Exercise data: Begin

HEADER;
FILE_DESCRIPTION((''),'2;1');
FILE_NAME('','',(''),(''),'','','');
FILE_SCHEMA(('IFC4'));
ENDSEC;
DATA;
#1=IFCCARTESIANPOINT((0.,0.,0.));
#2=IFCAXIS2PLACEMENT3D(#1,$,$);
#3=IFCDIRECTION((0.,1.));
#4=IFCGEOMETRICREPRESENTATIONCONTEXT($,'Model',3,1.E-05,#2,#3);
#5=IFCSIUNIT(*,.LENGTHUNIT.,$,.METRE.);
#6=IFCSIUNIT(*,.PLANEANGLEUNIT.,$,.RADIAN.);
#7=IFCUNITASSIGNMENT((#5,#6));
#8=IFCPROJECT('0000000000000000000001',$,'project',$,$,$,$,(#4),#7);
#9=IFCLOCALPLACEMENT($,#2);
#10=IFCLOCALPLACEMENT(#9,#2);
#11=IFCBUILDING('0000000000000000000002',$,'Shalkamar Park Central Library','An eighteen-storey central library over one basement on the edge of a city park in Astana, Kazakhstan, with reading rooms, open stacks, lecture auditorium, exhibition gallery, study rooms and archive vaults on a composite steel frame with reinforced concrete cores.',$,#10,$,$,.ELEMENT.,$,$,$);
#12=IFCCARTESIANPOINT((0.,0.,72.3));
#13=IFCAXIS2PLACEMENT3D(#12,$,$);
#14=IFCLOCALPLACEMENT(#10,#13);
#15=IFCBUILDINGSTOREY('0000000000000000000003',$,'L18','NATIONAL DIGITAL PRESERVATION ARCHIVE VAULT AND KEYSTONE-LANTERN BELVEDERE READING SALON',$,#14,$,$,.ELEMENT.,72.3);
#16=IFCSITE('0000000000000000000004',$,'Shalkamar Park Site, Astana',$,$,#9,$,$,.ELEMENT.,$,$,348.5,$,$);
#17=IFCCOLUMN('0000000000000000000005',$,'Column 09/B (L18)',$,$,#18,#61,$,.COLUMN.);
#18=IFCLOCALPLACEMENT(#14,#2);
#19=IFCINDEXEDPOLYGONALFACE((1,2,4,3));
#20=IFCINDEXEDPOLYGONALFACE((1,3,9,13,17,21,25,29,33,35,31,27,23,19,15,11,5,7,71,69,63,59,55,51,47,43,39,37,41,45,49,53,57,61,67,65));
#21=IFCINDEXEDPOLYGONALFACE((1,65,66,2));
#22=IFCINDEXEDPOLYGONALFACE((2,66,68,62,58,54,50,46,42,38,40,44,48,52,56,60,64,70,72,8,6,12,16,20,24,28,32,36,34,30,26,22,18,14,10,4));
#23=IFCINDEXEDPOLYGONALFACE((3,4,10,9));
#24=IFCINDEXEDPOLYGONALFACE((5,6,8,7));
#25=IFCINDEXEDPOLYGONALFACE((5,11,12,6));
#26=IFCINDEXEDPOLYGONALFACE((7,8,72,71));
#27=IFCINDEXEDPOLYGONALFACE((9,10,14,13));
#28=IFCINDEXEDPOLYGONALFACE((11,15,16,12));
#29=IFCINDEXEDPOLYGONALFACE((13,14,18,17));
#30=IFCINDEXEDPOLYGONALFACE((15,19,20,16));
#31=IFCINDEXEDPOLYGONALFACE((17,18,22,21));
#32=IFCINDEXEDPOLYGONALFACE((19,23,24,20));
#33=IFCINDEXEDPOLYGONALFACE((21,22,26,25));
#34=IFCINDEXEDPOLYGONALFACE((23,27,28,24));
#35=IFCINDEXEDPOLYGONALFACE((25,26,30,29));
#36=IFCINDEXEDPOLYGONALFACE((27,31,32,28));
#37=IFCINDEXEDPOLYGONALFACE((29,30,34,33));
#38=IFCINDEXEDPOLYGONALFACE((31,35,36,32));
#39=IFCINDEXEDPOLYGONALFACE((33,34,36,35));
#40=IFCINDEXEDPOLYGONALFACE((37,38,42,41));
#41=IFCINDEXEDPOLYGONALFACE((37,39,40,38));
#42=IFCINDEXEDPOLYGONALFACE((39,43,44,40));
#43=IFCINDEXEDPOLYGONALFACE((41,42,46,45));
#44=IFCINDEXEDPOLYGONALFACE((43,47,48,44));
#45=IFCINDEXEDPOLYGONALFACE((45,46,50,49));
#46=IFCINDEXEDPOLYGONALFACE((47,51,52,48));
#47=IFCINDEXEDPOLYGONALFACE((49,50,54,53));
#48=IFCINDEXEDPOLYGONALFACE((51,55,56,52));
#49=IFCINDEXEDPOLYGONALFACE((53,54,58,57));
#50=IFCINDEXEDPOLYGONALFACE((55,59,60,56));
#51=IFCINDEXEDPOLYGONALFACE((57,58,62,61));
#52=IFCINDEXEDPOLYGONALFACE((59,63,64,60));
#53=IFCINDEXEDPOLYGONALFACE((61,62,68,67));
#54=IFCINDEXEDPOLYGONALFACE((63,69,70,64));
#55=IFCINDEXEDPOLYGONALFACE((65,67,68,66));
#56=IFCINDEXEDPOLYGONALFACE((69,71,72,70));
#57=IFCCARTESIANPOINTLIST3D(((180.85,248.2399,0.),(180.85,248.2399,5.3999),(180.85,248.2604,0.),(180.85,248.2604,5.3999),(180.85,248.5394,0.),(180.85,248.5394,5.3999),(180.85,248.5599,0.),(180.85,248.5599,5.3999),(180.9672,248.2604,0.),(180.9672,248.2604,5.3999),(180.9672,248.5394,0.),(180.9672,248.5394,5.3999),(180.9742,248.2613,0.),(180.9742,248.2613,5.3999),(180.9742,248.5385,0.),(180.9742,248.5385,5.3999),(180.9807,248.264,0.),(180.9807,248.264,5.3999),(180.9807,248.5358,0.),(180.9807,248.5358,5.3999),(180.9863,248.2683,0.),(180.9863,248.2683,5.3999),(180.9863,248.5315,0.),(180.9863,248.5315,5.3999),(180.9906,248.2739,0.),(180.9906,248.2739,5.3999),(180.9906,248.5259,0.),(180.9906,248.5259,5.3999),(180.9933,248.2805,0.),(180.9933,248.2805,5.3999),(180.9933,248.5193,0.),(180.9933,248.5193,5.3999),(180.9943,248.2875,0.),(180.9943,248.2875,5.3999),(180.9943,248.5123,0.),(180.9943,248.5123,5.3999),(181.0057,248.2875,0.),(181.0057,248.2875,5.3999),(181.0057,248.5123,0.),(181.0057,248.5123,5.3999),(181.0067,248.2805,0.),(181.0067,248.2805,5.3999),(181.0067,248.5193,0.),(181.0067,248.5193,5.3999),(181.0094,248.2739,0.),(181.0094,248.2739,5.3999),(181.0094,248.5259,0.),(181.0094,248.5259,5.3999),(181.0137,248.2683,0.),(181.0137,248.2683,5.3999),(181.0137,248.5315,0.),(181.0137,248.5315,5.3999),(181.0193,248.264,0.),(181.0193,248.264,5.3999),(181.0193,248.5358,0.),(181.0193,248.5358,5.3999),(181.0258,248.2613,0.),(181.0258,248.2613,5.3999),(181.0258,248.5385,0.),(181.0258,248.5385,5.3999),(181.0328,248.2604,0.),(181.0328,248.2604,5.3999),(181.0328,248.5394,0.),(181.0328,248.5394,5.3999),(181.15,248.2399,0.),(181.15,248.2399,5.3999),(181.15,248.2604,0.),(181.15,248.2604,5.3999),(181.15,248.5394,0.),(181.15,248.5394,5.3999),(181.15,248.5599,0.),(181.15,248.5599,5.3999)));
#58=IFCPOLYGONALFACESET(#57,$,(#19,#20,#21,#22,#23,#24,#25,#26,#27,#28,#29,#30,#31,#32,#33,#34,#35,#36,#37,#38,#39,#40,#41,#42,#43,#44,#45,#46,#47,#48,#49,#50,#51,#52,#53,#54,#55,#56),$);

Exercise data: End
Exercise data: Begin

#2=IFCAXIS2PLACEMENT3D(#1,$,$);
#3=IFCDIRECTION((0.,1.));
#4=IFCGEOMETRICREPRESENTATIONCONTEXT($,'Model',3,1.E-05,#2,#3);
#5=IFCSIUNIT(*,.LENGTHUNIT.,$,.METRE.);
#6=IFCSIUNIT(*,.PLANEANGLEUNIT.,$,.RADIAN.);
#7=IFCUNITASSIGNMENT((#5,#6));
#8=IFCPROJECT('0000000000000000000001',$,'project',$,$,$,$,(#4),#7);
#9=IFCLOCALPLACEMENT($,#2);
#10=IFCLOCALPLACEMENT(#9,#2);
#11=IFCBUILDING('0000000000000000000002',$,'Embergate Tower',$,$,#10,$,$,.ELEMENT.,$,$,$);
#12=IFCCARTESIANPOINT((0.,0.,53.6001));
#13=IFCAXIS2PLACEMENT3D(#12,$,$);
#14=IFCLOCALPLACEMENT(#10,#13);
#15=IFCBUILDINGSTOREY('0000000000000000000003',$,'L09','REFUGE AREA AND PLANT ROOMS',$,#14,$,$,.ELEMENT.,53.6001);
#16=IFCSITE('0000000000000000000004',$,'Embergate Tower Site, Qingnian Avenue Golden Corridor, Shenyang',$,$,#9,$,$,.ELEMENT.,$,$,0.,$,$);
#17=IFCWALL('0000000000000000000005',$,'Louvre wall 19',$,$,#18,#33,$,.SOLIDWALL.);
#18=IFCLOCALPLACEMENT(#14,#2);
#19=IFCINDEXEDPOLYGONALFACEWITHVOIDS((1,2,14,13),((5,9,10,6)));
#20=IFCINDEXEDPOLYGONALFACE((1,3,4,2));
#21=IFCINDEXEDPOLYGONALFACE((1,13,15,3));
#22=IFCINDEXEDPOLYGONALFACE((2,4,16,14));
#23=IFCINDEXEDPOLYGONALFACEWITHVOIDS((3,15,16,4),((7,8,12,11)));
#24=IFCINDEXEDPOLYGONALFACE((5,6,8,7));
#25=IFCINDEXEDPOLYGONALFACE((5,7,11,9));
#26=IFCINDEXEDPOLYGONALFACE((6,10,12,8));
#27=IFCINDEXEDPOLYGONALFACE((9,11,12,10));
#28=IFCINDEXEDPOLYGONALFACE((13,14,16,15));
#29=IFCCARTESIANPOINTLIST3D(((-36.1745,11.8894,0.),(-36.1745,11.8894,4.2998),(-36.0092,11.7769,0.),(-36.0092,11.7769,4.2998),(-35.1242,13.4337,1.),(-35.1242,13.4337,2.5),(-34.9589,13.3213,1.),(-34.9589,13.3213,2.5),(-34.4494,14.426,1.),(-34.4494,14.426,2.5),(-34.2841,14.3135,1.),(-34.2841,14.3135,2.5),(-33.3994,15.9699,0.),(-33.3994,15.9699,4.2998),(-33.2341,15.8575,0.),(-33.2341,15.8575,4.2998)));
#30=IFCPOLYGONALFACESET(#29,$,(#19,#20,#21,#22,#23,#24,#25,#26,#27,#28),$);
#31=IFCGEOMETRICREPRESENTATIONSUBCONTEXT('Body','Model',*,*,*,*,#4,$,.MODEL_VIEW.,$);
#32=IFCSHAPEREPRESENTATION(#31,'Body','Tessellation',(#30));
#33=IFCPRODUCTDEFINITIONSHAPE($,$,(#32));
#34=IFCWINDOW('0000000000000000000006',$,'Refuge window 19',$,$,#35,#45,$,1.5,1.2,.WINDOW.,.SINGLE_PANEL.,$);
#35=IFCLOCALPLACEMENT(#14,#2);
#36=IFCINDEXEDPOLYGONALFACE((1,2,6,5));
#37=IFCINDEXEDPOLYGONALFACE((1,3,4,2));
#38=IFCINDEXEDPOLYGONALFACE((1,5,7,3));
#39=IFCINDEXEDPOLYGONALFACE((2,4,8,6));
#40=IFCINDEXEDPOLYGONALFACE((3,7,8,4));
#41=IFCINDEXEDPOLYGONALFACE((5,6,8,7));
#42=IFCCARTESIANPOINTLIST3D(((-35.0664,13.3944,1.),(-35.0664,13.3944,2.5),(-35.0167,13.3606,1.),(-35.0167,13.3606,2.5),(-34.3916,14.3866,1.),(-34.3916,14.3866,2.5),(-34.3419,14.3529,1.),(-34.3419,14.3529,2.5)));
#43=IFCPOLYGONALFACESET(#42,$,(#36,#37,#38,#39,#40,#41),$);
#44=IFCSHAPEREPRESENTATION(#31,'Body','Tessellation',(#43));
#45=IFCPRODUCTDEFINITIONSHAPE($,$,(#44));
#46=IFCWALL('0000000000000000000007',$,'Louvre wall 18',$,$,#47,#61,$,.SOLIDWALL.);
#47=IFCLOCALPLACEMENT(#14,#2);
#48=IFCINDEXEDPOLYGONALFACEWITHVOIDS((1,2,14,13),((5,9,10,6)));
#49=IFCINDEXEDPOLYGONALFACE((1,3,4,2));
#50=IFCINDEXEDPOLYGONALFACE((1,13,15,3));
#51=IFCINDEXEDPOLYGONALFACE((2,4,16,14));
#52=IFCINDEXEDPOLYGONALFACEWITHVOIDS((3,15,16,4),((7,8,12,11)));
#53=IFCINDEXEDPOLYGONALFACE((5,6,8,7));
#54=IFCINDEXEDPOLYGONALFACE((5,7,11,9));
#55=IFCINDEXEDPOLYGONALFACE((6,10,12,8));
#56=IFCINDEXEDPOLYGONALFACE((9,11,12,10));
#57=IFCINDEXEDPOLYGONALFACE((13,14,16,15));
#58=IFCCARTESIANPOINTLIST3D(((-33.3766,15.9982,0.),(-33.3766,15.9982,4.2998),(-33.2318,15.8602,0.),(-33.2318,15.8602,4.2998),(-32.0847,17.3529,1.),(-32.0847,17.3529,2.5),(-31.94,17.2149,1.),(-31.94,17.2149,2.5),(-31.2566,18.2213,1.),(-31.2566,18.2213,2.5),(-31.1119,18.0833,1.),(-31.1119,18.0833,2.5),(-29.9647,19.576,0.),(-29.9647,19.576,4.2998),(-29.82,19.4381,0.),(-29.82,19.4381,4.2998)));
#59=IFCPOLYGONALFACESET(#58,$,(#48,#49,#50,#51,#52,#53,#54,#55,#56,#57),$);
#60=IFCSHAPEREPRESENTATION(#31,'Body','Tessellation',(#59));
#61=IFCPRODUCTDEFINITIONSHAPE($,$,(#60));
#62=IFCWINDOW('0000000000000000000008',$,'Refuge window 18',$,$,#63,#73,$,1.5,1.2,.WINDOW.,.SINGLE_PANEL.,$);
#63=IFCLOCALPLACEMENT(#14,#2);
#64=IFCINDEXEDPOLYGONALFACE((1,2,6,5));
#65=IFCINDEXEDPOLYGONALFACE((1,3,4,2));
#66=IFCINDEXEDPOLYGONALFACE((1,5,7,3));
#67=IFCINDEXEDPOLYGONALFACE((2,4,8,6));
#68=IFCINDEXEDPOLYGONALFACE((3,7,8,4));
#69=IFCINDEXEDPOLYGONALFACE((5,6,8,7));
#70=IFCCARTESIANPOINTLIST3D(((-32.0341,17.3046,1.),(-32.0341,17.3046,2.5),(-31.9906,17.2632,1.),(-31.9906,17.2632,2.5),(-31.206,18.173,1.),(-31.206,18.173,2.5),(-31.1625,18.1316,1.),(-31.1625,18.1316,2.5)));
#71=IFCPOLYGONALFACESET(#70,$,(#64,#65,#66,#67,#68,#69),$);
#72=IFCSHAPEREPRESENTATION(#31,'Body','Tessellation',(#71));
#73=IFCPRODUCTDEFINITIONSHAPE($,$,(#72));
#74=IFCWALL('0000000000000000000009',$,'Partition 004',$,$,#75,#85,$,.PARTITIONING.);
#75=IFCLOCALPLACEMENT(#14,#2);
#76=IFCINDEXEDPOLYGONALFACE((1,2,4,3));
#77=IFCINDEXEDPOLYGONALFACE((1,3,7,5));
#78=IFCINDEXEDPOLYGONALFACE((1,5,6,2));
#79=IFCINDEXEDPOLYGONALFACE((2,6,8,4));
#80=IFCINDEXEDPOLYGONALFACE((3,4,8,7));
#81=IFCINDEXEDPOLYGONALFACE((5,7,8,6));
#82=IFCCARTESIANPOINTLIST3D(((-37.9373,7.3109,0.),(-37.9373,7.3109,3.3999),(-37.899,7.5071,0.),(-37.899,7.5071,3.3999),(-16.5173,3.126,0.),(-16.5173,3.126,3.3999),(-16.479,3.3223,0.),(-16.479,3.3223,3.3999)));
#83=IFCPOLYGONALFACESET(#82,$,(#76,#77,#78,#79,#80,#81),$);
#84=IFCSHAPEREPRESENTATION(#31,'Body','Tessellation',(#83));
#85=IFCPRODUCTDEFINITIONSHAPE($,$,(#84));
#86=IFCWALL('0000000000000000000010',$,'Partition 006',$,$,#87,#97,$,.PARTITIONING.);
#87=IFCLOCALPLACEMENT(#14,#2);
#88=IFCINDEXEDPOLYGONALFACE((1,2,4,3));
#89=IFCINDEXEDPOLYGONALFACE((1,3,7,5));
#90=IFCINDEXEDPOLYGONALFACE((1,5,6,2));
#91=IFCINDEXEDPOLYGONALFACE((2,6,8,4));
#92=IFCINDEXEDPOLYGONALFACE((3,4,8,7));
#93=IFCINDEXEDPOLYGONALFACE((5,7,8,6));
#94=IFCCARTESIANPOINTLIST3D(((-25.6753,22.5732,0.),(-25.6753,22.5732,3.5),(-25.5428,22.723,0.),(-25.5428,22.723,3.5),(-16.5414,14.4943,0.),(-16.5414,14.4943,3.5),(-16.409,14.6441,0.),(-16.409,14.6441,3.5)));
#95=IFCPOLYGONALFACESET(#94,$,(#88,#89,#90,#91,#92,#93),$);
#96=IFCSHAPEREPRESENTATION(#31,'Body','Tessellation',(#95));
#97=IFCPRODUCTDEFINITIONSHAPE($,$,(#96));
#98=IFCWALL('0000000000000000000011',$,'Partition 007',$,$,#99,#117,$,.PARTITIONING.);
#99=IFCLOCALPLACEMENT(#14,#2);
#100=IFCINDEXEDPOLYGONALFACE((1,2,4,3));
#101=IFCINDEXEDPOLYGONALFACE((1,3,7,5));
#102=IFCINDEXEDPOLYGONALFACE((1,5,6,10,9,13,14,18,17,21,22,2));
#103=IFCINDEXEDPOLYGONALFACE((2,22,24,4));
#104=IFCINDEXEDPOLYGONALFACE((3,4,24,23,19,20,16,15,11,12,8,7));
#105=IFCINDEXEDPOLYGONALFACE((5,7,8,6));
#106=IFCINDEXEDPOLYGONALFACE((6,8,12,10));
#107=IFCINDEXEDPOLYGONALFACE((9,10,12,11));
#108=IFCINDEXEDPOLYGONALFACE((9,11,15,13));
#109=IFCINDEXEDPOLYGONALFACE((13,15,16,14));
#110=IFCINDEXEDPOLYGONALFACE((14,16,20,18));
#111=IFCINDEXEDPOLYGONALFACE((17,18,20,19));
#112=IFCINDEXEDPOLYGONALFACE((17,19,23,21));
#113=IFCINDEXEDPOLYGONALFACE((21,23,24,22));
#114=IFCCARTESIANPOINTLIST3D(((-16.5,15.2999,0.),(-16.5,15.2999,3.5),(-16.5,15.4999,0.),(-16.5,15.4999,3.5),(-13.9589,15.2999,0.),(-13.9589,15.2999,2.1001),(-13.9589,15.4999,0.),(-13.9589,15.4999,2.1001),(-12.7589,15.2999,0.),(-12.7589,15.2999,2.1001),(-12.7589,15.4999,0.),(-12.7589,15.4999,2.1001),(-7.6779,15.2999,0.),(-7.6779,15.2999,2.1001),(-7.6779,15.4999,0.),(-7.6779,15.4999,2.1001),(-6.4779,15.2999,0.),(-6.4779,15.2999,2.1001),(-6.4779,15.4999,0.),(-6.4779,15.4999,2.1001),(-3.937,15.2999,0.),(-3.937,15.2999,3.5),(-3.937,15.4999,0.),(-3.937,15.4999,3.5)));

Exercise data: End

• [Exercise directions]:
From the records above, transcribe exactly the run of lines that opens with the line holding "#21=IFCINDEXEDPOLYGONALFACE((1,13,15,3));" and closes with the line holding "#28=IFCINDEXEDPOLYGONALFACE((13,14,16,15));", both included.

• [Response to the exercise]:
#21=IFCINDEXEDPOLYGONALFACE((1,13,15,3));
#22=IFCINDEXEDPOLYGONALFACE((2,4,16,14));
#23=IFCINDEXEDPOLYGONALFACEWITHVOIDS((3,15,16,4),((7,8,12,11)));
#24=IFCINDEXEDPOLYGONALFACE((5,6,8,7));
#25=IFCINDEXEDPOLYGONALFACE((5,7,11,9));
#26=IFCINDEXEDPOLYGONALFACE((6,10,12,8));
#27=IFCINDEXEDPOLYGONALFACE((9,11,12,10));
#28=IFCINDEXEDPOLYGONALFACE((13,14,16,15));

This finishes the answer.